▶ Required work:
Could you report every line of the listing below that holds the word "None"?

▶ Data records:

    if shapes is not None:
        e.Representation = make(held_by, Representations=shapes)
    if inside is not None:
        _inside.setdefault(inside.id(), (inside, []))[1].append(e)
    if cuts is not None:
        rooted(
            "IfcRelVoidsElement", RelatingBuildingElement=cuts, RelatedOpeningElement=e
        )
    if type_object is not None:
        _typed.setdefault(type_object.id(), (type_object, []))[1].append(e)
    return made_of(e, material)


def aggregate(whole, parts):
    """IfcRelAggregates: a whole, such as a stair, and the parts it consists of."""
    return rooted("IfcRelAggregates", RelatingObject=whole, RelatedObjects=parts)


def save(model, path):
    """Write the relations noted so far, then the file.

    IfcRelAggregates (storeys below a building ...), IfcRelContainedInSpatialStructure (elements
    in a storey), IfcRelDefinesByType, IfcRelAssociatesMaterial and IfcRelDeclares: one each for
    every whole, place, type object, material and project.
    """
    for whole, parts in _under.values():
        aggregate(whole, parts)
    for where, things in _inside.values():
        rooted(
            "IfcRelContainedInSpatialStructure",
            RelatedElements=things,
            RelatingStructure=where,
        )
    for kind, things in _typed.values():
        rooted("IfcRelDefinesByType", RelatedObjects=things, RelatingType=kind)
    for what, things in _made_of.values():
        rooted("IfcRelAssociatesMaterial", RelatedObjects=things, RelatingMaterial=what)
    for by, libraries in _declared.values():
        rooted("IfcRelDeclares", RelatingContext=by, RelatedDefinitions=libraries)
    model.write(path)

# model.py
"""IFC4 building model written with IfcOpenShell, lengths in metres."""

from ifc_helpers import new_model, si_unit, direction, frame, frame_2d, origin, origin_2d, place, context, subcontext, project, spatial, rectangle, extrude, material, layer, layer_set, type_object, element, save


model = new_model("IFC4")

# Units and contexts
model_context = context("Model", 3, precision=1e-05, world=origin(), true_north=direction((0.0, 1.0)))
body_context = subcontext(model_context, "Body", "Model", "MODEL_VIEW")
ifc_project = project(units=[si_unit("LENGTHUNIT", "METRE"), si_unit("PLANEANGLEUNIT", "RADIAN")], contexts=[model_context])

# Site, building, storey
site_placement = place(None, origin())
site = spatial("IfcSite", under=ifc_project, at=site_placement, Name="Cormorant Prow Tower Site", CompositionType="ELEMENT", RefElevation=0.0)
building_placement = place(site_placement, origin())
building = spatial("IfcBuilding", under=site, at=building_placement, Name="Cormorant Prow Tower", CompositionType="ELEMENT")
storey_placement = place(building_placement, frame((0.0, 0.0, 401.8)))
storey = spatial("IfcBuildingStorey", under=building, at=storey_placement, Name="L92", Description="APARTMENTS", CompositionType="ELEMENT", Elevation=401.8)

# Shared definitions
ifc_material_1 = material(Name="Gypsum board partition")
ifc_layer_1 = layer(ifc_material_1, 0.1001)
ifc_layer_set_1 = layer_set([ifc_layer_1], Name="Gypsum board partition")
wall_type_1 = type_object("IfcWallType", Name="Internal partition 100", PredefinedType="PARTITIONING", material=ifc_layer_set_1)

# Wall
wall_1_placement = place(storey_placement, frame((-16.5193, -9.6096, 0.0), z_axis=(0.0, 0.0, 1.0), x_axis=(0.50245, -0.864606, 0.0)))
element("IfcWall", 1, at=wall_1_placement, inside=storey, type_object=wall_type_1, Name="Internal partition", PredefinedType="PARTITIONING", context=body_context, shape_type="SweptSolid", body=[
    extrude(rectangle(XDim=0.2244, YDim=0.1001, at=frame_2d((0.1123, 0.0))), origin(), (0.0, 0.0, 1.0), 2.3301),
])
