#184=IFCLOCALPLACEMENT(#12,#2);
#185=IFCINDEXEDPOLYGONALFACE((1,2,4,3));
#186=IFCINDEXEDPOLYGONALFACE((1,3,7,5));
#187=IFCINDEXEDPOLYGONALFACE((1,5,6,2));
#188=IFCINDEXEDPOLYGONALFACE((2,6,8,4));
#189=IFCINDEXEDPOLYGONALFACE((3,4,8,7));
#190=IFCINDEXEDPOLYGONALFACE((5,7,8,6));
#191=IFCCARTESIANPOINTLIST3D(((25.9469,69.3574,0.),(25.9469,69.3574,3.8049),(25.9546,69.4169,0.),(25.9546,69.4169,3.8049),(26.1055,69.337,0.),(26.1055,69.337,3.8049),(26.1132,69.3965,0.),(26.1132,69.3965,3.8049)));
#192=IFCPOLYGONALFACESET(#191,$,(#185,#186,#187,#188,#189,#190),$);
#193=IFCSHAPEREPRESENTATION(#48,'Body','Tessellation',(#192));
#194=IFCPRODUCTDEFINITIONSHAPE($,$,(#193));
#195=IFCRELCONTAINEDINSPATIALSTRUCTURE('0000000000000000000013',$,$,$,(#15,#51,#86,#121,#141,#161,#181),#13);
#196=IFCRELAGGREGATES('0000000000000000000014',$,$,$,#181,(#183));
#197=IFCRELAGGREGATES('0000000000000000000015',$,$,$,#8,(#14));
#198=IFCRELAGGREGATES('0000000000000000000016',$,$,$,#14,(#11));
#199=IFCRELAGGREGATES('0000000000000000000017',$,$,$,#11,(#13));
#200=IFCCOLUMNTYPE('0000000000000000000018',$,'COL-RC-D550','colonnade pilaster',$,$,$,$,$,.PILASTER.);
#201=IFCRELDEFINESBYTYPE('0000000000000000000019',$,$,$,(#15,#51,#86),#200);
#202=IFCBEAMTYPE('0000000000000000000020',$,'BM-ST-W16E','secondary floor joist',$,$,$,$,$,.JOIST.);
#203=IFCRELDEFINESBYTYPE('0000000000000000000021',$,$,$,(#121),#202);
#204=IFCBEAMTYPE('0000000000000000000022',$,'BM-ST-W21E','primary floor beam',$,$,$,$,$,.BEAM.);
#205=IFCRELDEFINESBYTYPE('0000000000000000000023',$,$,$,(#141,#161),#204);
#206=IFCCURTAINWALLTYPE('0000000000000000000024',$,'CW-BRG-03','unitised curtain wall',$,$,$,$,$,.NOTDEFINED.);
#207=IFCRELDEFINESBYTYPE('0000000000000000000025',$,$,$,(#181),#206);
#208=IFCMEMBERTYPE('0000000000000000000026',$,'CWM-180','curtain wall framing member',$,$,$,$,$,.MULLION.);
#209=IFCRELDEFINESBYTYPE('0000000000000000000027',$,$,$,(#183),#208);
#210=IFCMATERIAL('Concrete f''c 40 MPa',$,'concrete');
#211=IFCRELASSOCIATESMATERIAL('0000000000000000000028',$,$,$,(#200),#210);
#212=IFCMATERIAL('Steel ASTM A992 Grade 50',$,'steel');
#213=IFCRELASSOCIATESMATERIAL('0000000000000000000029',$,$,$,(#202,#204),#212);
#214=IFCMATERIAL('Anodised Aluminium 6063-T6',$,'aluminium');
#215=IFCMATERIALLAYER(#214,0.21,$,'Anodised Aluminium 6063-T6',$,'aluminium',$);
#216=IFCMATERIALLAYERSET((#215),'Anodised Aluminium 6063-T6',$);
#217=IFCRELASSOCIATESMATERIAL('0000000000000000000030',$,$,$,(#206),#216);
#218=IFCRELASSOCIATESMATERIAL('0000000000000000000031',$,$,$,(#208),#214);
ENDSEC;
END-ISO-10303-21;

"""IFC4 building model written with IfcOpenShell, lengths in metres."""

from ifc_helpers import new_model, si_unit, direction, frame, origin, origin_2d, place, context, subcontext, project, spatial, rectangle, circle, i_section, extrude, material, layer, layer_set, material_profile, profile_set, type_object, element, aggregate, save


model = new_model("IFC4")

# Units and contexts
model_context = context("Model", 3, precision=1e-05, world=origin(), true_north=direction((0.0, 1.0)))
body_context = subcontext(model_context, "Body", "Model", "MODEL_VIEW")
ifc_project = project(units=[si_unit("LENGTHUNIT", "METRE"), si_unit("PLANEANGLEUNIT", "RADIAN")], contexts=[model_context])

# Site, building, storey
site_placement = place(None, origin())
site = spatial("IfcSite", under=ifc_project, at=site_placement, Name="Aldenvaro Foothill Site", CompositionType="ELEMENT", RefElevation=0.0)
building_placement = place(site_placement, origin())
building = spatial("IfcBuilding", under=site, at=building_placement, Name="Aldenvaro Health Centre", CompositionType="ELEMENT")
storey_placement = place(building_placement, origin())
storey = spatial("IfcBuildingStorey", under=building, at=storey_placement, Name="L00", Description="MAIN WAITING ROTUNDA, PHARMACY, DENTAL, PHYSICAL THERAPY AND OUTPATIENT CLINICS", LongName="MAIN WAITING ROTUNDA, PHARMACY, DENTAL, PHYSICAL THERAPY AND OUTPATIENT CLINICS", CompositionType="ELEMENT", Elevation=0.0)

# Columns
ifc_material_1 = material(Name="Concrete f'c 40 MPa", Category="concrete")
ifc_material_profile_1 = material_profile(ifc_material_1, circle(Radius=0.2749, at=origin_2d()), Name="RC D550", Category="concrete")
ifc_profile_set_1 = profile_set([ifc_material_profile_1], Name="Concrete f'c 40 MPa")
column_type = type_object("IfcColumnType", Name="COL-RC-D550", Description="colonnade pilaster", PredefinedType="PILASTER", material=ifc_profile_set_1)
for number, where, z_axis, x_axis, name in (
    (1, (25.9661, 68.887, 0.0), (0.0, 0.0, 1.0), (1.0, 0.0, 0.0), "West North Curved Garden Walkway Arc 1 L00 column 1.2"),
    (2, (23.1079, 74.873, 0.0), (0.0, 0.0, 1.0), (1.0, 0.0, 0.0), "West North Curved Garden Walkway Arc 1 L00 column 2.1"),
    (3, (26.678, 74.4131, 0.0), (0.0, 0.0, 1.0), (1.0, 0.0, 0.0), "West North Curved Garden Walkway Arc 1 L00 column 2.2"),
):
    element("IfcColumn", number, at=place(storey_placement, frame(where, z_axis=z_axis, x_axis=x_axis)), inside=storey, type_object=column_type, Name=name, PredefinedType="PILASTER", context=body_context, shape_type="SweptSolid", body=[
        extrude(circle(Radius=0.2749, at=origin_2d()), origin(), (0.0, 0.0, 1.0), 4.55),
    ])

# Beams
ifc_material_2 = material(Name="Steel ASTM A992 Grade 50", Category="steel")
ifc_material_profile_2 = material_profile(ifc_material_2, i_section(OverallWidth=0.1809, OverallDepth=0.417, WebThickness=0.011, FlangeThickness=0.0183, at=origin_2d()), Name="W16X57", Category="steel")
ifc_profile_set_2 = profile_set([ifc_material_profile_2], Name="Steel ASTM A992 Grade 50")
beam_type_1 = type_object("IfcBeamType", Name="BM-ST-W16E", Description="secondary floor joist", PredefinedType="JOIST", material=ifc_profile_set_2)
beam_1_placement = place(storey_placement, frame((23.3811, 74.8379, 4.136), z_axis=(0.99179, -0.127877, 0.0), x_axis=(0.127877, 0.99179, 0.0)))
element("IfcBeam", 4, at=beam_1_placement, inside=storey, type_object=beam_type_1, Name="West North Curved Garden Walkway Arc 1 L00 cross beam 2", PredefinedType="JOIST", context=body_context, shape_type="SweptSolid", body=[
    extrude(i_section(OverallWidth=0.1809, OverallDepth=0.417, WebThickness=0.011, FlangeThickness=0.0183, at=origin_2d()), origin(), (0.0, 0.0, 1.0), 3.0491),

▶ Answer for this exercise:
    if shapes is not None:
    if inside is not None:
    if cuts is not None:
    if type_object is not None:
site_placement = place(None, origin())
site_placement = place(None, origin())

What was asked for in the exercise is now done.